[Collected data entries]
____________

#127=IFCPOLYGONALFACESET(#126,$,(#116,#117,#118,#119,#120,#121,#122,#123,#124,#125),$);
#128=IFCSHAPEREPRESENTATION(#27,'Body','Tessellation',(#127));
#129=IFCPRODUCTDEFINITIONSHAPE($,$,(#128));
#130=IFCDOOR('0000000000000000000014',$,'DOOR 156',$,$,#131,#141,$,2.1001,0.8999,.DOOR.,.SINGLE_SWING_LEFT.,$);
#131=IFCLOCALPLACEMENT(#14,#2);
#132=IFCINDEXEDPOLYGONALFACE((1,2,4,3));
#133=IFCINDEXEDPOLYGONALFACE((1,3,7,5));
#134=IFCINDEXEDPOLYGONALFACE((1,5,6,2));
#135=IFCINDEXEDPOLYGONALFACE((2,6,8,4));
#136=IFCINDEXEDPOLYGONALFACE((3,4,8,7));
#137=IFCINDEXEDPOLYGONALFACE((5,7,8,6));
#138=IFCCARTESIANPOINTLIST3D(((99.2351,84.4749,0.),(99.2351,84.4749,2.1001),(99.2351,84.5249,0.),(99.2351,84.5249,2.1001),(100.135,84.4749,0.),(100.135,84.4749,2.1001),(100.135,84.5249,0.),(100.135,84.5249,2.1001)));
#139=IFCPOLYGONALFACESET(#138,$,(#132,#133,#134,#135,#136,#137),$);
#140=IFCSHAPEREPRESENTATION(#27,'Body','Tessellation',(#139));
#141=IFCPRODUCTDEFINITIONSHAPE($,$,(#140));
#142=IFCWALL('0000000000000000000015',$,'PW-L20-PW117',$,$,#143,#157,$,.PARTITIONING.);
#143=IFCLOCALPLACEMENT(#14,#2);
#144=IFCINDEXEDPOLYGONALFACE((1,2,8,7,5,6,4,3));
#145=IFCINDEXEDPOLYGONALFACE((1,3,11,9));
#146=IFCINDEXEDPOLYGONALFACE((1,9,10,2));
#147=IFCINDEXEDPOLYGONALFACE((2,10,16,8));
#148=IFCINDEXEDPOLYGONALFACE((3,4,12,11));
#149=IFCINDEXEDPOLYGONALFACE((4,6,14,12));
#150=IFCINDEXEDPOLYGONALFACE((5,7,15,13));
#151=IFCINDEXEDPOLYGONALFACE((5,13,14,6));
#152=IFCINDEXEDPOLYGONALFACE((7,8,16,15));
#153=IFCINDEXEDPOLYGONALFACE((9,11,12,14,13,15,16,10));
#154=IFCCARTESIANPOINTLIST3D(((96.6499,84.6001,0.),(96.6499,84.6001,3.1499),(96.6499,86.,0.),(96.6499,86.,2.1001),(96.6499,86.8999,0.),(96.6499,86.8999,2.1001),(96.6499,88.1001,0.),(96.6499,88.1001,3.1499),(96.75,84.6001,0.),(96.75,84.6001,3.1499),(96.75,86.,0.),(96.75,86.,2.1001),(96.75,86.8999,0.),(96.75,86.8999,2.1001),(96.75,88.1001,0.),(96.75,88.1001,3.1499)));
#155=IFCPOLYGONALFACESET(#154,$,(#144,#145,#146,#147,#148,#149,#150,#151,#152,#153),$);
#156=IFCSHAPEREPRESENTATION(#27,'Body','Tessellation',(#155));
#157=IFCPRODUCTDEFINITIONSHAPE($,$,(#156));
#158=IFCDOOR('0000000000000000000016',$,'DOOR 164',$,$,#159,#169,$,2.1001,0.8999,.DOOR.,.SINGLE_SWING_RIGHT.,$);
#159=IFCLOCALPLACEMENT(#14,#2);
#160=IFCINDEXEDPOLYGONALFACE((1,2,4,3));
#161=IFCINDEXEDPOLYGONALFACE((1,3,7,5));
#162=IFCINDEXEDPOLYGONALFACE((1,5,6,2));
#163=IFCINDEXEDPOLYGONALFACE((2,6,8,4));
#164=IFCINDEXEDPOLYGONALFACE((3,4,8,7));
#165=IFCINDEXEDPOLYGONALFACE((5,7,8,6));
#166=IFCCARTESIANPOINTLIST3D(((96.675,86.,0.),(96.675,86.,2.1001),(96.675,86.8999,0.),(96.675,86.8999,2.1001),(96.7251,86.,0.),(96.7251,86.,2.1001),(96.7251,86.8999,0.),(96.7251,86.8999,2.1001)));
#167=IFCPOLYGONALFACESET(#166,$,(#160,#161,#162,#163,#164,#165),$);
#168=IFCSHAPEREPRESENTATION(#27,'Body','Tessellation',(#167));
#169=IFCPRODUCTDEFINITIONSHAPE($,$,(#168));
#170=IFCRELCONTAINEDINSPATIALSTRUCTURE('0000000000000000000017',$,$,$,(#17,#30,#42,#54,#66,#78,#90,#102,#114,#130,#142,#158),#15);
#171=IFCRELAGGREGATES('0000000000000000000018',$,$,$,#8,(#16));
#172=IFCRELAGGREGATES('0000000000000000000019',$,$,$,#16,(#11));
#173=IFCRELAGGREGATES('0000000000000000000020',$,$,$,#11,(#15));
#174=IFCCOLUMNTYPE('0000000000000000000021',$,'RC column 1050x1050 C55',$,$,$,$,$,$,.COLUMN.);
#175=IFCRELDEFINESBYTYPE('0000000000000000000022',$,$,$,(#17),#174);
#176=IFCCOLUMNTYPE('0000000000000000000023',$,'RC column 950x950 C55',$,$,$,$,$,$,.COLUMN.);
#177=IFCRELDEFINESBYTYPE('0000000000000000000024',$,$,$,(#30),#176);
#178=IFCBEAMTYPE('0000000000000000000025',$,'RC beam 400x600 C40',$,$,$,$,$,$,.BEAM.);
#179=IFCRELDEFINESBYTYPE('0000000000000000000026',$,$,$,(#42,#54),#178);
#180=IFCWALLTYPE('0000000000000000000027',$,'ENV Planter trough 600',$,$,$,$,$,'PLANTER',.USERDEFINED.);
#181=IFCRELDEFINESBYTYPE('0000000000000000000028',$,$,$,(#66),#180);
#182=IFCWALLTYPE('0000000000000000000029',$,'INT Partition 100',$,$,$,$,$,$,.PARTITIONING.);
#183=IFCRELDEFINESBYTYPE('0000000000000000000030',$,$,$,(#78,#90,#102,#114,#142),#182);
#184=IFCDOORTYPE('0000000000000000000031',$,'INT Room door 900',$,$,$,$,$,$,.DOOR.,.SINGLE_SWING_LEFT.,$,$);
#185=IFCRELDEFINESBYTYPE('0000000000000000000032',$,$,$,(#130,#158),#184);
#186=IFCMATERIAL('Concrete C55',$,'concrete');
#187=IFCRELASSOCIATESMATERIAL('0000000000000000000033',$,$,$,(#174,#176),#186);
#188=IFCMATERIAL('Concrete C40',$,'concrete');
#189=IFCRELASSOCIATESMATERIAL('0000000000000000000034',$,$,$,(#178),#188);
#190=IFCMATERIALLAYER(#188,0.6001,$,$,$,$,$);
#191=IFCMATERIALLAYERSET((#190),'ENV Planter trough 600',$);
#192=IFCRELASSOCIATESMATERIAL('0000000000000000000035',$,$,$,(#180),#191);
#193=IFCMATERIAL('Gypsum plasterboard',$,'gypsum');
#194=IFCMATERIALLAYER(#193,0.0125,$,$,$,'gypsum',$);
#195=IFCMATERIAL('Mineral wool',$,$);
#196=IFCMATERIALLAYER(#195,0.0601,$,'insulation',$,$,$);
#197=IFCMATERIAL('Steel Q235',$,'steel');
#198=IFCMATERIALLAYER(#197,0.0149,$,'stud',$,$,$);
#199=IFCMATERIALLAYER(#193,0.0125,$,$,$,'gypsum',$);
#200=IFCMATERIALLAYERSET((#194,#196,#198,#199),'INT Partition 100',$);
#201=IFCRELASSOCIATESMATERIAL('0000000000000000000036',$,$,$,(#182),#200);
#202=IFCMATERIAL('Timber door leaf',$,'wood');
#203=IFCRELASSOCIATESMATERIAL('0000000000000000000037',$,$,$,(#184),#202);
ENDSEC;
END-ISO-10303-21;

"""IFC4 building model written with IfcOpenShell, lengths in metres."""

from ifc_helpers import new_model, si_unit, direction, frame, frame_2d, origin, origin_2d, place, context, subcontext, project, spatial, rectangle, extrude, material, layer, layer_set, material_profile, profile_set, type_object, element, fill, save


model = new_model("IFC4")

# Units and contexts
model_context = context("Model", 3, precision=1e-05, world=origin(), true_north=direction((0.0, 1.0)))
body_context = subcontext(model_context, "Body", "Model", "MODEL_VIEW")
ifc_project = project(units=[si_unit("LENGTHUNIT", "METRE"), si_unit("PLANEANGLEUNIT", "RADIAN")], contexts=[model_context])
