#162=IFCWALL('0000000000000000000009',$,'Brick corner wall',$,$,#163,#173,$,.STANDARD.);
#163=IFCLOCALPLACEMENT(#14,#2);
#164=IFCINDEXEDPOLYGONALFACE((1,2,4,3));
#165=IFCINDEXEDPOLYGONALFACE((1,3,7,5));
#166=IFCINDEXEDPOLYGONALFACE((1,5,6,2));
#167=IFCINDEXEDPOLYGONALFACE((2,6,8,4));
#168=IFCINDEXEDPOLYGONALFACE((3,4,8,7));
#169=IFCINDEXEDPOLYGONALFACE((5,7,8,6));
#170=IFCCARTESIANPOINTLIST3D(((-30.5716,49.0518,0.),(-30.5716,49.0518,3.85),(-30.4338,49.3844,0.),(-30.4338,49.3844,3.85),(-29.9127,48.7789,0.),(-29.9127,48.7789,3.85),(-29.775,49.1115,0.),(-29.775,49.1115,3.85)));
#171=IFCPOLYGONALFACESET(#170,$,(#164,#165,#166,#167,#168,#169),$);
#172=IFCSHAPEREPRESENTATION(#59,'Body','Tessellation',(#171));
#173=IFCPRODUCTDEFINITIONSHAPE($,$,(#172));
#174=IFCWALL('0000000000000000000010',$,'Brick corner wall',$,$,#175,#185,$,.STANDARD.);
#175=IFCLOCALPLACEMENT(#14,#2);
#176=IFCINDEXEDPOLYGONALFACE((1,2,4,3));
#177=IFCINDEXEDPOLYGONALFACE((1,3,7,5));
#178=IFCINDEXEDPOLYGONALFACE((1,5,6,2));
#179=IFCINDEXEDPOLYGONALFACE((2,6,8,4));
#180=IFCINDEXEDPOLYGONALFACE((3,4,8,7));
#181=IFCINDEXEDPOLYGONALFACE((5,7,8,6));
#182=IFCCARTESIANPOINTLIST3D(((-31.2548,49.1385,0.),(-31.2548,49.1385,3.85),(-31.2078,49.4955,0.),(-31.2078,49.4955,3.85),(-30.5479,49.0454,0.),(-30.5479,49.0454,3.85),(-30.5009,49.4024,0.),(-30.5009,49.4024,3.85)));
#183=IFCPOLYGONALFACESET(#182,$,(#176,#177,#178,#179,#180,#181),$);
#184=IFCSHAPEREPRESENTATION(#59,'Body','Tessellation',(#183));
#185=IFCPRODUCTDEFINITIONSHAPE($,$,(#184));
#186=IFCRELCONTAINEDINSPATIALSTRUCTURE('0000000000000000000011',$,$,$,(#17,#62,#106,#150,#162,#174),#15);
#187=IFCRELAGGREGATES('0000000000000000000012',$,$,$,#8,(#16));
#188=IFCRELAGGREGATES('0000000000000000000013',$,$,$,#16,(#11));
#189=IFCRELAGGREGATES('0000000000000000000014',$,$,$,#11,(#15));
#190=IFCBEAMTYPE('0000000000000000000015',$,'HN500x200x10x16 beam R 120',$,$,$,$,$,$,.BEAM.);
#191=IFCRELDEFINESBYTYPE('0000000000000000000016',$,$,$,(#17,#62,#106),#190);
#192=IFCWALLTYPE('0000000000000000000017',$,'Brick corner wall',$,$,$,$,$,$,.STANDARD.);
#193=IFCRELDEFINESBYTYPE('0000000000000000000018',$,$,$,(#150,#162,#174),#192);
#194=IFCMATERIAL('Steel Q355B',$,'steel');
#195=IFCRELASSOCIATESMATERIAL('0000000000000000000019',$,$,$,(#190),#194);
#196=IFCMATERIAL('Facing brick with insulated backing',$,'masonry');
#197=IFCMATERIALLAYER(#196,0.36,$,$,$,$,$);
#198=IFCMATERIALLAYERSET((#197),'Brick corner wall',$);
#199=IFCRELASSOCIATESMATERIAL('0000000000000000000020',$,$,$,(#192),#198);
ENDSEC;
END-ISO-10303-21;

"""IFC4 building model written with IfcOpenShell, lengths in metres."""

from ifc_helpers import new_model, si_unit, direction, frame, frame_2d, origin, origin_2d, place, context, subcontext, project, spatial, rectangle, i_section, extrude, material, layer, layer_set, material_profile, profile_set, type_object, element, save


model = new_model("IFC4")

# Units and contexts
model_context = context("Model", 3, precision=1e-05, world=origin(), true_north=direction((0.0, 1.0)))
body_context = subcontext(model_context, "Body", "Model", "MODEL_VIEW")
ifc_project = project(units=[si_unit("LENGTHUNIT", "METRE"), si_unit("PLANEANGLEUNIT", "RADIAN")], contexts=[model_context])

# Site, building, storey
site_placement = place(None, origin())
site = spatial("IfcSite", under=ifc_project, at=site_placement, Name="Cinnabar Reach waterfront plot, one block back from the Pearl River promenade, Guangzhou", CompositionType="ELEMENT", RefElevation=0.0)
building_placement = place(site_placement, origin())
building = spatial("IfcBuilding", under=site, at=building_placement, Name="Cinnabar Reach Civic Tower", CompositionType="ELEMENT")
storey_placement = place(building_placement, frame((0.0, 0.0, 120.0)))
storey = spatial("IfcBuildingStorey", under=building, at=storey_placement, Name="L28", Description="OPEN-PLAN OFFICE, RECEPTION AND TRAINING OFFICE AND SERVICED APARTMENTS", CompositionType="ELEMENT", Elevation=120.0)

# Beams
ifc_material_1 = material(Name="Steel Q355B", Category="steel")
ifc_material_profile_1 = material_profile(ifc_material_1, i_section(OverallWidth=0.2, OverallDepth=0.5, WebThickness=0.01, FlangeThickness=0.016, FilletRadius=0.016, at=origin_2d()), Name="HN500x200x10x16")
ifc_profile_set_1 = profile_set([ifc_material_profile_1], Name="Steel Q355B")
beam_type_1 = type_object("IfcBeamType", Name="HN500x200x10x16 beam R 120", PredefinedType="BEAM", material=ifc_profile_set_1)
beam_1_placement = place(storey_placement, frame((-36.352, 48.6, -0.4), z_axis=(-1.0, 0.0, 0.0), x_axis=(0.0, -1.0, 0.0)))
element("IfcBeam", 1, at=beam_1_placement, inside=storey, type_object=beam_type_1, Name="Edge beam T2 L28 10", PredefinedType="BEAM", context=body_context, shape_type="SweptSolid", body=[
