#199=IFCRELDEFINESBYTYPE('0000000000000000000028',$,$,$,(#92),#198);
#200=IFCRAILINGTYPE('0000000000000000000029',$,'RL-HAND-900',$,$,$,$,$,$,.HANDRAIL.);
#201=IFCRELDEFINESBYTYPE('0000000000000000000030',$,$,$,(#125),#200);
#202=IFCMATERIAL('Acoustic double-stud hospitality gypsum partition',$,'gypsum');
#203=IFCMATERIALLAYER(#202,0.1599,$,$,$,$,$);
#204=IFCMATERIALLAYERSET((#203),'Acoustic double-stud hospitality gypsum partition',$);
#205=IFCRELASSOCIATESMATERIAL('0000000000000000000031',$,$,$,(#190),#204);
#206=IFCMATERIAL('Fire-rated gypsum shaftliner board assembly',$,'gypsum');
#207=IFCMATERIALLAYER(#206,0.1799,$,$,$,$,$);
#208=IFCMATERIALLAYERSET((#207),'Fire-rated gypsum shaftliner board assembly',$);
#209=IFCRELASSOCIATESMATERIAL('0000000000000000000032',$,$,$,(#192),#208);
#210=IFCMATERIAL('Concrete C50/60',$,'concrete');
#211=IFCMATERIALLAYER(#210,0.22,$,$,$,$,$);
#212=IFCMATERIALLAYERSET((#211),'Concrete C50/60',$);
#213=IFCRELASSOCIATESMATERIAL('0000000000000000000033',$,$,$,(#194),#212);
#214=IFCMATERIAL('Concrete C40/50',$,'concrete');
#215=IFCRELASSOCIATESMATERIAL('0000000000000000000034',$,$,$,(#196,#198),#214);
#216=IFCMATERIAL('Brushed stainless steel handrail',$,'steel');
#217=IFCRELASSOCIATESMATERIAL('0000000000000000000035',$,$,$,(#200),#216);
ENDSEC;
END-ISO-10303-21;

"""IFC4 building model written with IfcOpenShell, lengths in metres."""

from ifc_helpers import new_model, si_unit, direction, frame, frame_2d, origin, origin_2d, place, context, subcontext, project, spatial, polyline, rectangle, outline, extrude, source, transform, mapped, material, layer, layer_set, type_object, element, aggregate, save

____________

# Instructions to follow
Determine which lines above include the word "COLUMN", and report those lines in full.

# Response to this task
#174=IFCCOLUMNTYPE('0000000000000000000021',$,'RC column 1050x1050 C55',$,$,$,$,$,$,.COLUMN.);
#176=IFCCOLUMNTYPE('0000000000000000000023',$,'RC column 950x950 C55',$,$,$,$,$,$,.COLUMN.);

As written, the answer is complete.